→ **Problem requirements**:
Go through the data below and gather each line containing "IFCMATERIAL".

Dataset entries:

Start of Block

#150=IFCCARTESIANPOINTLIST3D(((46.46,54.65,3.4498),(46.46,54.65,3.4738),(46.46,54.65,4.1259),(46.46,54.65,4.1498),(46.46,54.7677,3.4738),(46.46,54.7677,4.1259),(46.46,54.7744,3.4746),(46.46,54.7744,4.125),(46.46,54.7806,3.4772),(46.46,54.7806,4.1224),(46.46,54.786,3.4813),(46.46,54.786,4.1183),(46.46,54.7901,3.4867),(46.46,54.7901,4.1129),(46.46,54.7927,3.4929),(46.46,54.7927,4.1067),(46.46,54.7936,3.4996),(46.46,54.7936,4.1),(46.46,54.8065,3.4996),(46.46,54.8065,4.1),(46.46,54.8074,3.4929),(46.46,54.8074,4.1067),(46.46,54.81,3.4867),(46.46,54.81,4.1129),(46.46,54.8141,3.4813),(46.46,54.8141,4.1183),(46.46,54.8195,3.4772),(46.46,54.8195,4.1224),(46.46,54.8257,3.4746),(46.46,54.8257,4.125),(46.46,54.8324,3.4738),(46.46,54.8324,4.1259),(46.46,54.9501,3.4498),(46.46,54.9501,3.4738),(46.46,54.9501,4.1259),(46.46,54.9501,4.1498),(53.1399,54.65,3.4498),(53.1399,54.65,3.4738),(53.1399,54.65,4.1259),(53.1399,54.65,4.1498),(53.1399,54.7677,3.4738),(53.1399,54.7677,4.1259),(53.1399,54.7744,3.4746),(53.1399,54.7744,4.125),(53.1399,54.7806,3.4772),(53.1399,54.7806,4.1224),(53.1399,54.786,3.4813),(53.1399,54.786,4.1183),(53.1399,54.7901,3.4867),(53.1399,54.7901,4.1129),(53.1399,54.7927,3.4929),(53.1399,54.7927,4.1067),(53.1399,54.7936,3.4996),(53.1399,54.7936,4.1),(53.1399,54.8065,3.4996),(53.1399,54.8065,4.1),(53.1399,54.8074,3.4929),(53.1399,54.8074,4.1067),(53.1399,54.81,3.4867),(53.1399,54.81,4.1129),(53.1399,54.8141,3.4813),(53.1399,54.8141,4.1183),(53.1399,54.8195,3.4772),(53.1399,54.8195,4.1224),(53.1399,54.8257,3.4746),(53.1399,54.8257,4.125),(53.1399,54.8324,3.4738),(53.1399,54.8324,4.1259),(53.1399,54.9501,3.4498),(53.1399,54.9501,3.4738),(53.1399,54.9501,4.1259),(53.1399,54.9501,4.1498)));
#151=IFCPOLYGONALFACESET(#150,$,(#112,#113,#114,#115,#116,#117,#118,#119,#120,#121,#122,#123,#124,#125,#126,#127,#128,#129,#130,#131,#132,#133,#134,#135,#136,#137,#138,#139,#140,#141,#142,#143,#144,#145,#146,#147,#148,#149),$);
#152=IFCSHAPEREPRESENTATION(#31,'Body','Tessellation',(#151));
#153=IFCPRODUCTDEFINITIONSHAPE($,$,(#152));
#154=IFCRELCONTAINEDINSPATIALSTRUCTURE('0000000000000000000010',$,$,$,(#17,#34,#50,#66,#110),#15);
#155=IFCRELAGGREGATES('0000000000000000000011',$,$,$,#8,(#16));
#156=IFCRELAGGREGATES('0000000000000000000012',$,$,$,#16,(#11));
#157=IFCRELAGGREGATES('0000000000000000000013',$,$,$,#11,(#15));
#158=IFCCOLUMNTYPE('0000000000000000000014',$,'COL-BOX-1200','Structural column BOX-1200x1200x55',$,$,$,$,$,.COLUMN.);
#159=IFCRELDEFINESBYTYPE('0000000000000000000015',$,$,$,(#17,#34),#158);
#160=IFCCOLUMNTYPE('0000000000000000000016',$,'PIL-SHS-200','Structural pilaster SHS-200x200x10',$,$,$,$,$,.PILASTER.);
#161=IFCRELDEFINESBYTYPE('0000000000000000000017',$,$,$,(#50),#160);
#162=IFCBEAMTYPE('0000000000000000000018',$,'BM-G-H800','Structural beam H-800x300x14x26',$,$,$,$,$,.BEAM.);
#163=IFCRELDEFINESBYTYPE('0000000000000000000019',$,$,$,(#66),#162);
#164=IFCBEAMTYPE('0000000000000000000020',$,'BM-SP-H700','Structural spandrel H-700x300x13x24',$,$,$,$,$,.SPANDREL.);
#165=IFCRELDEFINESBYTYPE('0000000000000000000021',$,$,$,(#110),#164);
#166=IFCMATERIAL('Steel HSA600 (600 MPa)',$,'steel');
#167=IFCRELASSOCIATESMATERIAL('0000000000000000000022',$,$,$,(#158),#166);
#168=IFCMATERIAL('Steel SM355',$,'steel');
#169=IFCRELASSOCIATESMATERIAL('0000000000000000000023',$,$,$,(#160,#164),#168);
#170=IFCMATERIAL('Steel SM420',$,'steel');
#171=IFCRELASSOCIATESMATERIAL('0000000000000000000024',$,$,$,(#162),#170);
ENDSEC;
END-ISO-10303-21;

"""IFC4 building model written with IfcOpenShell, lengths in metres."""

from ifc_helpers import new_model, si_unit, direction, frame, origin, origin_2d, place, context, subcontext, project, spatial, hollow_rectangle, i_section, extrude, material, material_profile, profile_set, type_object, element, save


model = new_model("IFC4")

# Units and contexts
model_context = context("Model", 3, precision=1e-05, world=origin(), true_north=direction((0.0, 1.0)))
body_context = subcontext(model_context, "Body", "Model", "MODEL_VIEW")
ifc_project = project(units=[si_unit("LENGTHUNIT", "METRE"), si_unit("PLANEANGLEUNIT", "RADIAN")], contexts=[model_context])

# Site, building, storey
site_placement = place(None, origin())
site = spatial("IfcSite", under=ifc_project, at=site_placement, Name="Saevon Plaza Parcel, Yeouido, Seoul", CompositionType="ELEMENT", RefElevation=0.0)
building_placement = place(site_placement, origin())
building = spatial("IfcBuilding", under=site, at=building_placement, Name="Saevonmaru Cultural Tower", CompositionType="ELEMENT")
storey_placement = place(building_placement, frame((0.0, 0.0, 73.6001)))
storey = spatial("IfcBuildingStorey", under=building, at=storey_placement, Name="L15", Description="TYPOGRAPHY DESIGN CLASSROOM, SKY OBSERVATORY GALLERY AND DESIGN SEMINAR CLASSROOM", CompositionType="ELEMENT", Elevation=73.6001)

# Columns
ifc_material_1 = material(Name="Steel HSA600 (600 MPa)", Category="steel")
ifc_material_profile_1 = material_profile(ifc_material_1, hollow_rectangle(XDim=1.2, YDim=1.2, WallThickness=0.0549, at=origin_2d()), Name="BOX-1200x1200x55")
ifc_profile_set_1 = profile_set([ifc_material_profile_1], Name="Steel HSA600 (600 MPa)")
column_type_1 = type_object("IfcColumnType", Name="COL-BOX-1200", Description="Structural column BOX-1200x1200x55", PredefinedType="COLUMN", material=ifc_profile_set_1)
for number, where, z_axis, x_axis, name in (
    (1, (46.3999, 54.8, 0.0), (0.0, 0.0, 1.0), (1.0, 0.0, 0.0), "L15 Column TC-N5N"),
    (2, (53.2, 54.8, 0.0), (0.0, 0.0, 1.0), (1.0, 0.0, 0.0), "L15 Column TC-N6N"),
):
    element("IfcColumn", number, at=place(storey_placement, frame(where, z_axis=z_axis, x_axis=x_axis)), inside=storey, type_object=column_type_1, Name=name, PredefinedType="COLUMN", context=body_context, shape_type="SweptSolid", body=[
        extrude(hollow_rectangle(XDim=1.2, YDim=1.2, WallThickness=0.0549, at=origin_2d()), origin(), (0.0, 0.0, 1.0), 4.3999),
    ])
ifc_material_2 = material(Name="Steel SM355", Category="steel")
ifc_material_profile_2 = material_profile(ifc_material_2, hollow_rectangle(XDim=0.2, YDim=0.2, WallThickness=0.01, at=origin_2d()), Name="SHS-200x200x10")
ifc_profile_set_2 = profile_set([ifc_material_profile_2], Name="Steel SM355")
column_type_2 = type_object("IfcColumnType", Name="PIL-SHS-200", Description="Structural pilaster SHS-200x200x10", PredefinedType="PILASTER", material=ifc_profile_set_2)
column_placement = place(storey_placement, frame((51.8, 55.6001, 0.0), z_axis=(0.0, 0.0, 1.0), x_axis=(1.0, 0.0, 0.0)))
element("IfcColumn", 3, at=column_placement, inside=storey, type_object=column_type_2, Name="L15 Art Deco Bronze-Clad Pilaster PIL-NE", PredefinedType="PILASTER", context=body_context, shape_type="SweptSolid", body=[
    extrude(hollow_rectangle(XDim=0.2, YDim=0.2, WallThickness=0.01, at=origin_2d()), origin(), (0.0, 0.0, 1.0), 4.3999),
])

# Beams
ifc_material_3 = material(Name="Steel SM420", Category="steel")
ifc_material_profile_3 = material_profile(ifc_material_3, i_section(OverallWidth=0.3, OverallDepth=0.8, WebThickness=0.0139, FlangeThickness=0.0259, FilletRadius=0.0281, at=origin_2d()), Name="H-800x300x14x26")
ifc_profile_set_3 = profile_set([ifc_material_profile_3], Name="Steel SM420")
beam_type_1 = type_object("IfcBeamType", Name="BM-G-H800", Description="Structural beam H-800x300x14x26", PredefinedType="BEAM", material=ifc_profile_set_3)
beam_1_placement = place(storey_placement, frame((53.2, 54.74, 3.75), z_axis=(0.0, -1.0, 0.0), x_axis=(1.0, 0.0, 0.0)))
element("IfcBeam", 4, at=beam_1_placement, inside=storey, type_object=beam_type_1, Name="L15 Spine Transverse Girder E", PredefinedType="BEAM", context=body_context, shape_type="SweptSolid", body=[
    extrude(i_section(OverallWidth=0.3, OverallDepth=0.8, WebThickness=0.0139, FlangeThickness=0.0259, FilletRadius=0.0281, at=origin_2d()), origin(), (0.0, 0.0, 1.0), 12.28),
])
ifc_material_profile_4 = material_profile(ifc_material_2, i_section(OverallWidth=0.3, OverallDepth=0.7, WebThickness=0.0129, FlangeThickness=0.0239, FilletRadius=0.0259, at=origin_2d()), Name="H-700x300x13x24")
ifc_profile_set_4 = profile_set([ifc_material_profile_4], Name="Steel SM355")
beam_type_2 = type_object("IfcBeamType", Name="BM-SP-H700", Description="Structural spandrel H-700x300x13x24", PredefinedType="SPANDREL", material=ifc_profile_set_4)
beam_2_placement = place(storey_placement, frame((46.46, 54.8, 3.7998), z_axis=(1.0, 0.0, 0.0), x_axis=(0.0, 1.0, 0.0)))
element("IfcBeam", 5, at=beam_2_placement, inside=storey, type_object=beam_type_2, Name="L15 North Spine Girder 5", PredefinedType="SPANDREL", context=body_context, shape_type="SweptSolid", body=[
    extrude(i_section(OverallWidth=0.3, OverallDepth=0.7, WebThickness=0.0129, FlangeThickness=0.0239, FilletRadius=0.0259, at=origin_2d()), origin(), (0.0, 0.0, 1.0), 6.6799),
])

End of Block

→ **Response**:
#166=IFCMATERIAL('Steel HSA600 (600 MPa)',$,'steel');
#168=IFCMATERIAL('Steel SM355',$,'steel');
#170=IFCMATERIAL('Steel SM420',$,'steel');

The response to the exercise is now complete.